WORK TO COMPLETE → In the data below, which lines hold the word "tinted"? Copy them.

Start of PROVIDED MATERIAL

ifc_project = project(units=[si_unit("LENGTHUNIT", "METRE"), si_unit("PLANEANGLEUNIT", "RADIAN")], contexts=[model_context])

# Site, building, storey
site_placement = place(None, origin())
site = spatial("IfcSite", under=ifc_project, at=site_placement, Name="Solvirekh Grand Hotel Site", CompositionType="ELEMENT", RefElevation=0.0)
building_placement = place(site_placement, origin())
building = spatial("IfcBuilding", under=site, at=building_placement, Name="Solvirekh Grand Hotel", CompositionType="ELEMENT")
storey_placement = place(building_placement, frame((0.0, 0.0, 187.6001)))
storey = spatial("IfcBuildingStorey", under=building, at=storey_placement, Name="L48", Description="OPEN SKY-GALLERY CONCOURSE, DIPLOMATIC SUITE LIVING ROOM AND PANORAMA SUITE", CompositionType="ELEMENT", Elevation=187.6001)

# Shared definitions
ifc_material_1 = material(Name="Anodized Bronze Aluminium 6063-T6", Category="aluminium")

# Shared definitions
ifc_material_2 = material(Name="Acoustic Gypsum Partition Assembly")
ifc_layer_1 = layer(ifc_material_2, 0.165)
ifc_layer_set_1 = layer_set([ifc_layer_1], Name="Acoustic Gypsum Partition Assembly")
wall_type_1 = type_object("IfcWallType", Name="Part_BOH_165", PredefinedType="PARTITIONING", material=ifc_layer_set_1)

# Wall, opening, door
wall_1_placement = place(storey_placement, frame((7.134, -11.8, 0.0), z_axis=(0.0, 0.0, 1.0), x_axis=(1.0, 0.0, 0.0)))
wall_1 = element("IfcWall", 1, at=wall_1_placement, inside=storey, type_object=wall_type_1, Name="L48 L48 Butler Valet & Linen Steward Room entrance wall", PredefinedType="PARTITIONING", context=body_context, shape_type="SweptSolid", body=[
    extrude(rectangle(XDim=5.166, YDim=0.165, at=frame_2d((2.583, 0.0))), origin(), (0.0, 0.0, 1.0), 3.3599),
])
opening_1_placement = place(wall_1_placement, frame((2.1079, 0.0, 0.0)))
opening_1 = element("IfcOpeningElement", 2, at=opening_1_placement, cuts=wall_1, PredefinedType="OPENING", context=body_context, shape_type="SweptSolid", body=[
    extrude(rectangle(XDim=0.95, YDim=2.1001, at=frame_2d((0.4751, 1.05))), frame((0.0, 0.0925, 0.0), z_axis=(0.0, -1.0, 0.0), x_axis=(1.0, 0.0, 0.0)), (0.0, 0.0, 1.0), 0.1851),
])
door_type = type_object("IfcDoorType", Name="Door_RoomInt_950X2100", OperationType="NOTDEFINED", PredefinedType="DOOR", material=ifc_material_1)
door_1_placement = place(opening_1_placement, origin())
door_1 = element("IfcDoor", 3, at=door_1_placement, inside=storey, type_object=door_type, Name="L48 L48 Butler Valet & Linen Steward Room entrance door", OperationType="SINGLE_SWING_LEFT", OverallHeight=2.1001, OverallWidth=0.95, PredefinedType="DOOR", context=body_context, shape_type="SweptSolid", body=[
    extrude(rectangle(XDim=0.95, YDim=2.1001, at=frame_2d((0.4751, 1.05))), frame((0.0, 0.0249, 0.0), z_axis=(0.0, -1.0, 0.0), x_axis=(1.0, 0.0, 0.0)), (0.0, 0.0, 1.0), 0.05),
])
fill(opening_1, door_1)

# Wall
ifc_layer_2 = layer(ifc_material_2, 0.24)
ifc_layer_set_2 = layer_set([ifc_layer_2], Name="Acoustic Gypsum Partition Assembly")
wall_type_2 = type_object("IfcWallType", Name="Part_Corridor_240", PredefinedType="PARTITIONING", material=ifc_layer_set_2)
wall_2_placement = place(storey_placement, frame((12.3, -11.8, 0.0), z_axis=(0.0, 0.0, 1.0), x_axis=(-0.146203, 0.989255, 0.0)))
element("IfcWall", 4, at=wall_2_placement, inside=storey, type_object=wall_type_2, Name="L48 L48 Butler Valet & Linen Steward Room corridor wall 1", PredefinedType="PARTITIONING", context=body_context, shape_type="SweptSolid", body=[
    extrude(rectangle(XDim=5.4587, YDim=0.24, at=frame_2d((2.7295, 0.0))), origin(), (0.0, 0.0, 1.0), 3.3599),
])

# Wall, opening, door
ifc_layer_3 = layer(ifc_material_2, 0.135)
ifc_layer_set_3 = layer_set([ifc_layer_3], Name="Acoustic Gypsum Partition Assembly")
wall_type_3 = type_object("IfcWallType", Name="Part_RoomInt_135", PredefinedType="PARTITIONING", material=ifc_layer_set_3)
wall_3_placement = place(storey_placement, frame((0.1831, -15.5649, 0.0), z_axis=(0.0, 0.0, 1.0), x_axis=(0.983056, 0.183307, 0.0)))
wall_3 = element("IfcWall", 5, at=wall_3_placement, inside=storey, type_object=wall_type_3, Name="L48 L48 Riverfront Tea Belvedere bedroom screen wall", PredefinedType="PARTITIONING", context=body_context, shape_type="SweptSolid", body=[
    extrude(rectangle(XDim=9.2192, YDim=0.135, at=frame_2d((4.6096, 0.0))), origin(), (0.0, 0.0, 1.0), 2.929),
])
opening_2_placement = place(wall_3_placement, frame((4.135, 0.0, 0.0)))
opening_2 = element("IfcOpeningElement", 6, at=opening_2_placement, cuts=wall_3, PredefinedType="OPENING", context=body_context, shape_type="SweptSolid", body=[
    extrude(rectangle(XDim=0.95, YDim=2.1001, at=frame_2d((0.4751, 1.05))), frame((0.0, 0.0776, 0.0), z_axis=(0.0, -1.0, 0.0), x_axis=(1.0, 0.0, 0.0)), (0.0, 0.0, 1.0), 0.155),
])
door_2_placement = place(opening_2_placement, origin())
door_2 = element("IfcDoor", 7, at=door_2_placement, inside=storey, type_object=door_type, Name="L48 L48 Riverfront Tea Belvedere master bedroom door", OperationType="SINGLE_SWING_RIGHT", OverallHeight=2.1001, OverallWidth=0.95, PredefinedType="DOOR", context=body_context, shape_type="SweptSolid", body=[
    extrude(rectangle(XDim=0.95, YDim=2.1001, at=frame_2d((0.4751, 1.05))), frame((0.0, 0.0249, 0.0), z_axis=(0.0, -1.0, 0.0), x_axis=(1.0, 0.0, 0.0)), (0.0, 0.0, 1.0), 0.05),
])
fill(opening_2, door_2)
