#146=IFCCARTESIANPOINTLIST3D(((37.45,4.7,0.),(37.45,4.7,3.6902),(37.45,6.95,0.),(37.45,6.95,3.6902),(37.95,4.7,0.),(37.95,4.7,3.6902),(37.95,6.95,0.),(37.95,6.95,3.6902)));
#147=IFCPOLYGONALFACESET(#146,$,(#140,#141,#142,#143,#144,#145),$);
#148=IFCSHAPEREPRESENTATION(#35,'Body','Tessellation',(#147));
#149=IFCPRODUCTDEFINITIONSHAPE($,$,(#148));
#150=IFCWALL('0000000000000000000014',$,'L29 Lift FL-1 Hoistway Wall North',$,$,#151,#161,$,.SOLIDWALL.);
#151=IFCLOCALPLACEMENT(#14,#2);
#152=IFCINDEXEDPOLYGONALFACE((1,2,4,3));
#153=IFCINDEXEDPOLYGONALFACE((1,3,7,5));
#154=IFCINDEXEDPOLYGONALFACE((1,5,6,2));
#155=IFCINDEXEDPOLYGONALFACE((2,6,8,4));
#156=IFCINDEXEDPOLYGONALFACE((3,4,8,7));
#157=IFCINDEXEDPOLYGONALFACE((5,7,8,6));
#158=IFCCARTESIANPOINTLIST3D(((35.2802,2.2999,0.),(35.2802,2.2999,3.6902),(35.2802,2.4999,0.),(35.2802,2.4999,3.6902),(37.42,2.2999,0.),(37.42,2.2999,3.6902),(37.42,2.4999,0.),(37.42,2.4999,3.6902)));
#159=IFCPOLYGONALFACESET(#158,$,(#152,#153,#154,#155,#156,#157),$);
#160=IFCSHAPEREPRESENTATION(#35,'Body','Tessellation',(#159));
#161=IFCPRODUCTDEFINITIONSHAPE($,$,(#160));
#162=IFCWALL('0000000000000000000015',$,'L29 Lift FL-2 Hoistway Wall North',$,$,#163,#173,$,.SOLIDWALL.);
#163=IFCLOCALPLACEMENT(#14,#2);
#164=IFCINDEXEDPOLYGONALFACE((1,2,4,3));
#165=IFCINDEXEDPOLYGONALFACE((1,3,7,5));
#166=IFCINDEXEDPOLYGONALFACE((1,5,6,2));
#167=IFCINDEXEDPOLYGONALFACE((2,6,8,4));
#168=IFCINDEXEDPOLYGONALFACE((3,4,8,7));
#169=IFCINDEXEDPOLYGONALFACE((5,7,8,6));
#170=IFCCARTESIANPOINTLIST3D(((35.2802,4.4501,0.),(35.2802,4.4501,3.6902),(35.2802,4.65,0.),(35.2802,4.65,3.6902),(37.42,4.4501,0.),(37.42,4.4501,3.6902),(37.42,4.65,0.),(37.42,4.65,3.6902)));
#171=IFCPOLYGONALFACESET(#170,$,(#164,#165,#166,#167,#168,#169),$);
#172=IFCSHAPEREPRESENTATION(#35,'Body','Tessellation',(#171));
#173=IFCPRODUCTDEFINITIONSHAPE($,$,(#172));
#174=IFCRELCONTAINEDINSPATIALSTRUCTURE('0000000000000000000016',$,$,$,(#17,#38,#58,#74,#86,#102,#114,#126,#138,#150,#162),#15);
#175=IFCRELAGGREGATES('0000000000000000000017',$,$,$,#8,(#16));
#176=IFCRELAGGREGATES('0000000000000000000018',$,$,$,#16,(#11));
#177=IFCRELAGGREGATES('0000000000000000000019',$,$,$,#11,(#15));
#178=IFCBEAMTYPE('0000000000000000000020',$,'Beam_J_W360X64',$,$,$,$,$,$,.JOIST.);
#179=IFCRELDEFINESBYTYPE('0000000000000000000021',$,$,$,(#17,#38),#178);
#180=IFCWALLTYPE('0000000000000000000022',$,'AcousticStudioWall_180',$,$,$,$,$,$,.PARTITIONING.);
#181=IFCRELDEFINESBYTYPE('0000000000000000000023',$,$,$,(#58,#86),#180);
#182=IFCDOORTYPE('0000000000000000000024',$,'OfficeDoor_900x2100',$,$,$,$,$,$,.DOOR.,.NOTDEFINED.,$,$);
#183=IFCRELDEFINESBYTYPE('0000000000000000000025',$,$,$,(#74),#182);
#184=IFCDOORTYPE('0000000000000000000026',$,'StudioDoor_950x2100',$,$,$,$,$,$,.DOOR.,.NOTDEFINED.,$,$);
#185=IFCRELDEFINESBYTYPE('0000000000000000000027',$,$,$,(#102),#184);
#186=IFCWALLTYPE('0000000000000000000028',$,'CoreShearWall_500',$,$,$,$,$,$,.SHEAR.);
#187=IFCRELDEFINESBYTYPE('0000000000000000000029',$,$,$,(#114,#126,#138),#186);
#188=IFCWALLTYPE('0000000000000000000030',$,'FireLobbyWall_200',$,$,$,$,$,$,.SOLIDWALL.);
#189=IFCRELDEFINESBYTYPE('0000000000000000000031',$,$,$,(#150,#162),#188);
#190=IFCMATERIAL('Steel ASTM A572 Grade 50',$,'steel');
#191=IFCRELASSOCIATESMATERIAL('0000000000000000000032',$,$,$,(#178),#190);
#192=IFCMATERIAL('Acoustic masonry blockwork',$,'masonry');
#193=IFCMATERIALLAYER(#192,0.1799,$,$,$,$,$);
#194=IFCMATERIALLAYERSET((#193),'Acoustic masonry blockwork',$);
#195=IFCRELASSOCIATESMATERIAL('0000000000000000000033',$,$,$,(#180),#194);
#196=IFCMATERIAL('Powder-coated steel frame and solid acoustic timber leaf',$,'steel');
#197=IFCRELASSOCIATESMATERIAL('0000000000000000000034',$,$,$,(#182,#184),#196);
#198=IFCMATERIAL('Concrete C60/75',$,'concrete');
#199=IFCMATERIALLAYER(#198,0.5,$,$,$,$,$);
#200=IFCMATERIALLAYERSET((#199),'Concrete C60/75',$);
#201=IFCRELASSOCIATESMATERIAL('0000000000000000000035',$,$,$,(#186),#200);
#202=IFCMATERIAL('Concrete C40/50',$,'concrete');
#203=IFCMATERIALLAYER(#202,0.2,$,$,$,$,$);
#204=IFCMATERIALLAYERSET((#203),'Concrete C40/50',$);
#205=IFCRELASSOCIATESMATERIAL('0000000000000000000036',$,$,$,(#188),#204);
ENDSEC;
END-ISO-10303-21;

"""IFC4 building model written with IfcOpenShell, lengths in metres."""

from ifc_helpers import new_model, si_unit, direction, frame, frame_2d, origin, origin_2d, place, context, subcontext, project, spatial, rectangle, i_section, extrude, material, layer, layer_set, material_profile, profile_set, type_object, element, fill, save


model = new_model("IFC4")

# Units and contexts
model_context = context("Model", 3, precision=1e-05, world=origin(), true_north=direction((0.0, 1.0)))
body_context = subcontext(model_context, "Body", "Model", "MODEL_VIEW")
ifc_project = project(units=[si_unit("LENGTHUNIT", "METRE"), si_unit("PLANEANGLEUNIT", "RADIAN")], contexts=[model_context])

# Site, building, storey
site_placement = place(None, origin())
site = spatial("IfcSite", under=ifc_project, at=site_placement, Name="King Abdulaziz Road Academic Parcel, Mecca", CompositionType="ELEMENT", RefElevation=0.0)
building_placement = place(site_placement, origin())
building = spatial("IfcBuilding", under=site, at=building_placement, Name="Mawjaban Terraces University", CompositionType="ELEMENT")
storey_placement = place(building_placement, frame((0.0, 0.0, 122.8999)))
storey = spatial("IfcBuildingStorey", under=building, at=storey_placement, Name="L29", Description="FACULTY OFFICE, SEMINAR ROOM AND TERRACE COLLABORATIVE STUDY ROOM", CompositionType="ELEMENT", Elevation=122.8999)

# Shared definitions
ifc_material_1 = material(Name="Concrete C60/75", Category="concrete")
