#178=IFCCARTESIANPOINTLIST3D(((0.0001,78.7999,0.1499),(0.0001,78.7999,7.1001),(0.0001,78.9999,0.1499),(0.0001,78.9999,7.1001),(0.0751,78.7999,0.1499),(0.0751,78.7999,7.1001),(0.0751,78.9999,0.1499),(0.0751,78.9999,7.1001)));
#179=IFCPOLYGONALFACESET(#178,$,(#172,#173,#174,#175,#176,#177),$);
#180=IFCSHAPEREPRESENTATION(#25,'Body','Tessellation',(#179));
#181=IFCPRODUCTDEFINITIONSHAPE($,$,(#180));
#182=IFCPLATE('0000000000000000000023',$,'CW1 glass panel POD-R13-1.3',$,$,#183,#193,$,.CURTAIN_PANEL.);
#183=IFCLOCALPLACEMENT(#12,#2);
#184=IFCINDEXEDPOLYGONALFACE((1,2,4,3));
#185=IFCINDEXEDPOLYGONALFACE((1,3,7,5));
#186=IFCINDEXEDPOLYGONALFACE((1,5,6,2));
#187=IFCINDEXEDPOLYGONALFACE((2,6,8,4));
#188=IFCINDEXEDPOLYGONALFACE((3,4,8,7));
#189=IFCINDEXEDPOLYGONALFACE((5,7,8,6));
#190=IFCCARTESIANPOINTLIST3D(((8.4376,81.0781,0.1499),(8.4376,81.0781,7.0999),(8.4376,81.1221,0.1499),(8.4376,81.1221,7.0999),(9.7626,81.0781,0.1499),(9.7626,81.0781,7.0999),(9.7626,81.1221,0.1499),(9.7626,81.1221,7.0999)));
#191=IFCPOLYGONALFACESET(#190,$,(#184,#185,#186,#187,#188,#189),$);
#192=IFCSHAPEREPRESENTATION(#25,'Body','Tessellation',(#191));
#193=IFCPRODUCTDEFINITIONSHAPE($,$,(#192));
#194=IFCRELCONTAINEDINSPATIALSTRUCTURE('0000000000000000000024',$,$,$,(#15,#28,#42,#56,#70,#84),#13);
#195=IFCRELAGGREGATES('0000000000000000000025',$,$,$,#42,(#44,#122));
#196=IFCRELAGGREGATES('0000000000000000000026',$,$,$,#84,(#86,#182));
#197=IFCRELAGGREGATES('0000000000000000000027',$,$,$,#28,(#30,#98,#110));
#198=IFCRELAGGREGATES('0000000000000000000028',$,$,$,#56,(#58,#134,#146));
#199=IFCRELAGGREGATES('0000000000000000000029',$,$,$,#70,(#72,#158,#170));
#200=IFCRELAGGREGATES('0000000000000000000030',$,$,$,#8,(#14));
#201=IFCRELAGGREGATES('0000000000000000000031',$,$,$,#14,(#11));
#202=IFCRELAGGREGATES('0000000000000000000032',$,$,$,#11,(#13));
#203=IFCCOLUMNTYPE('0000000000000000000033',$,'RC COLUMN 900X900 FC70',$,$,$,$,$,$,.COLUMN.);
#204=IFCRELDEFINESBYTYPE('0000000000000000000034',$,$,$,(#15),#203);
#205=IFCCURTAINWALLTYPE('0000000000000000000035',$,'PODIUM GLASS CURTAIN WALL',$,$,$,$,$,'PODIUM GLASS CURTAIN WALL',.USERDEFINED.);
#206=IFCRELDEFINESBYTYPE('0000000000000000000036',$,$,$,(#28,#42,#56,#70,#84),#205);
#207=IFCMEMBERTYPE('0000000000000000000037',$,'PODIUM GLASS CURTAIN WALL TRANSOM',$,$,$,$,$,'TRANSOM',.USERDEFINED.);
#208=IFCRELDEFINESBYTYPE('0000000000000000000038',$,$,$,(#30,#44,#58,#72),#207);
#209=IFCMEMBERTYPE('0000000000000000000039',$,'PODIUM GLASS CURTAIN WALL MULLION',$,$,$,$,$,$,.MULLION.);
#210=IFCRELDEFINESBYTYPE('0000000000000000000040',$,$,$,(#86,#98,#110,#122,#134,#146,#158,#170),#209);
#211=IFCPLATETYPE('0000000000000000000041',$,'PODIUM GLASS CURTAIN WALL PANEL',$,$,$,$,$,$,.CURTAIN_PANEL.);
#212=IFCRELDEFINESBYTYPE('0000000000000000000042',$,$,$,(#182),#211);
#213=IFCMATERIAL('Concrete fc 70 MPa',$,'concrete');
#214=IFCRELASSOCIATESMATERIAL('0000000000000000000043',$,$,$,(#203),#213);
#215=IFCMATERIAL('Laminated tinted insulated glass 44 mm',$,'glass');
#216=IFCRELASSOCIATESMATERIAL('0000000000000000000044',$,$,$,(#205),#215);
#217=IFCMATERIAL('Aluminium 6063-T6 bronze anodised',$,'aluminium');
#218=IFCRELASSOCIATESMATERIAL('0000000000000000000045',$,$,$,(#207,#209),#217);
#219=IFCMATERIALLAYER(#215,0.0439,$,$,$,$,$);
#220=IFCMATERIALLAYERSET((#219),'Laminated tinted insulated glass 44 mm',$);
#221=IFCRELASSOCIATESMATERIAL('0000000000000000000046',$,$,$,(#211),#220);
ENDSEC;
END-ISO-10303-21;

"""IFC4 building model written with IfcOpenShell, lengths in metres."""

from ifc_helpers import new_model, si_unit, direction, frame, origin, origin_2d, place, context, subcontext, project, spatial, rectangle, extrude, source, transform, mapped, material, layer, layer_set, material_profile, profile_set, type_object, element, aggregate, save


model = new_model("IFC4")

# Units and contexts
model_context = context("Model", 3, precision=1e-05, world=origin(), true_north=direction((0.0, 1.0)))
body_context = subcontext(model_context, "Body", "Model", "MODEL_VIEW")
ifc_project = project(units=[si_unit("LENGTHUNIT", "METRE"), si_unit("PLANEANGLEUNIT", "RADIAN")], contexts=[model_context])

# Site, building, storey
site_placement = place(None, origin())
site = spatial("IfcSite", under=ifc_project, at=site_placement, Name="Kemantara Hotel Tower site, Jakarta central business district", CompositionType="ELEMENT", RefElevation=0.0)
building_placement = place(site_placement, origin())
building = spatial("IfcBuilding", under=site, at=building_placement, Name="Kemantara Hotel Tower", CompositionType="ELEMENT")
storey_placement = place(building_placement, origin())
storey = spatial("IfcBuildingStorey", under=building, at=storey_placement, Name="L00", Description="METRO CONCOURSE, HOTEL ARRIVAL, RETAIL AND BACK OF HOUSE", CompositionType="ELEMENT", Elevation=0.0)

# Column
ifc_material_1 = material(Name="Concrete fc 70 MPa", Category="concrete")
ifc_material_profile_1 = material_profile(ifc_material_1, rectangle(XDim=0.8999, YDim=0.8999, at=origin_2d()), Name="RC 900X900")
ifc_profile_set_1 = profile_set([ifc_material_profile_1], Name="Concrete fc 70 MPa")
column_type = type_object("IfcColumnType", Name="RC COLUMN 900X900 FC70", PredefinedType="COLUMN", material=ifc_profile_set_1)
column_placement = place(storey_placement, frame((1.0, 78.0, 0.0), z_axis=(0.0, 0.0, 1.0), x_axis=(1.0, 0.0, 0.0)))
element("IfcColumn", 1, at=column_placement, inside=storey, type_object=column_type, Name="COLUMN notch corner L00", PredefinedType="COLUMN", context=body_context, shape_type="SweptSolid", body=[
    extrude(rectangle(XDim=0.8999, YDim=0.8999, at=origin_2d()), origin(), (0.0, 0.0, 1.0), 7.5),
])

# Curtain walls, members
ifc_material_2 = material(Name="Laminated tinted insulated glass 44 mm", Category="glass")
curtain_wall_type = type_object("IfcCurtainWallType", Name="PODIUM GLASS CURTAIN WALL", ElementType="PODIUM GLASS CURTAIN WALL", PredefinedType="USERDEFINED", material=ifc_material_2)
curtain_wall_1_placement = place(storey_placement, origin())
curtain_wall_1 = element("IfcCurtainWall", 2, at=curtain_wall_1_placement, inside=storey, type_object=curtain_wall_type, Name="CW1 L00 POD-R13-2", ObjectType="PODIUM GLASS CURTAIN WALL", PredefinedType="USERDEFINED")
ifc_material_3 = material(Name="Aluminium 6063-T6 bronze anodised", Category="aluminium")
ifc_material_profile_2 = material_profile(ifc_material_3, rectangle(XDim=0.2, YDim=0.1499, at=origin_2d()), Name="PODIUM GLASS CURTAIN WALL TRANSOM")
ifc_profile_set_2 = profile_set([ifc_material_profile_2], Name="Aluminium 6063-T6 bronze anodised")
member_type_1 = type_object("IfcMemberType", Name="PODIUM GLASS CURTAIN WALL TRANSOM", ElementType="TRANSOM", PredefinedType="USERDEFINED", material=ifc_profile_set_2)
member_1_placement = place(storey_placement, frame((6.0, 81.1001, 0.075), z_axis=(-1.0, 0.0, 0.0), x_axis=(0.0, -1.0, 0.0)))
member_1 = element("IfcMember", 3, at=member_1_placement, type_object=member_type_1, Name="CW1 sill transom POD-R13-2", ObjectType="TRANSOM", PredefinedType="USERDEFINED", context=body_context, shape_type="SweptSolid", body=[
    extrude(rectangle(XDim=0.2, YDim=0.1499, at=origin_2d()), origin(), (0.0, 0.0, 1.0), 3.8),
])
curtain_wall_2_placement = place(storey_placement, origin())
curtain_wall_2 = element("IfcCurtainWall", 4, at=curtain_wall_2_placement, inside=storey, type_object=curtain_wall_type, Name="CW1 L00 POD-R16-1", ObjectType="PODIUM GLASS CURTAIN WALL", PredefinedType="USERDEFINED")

End of PROVIDED MATERIAL

REPLY →
#215=IFCMATERIAL('Laminated tinted insulated glass 44 mm',$,'glass');
#220=IFCMATERIALLAYERSET((#219),'Laminated tinted insulated glass 44 mm',$);
ifc_material_2 = material(Name="Laminated tinted insulated glass 44 mm", Category="glass")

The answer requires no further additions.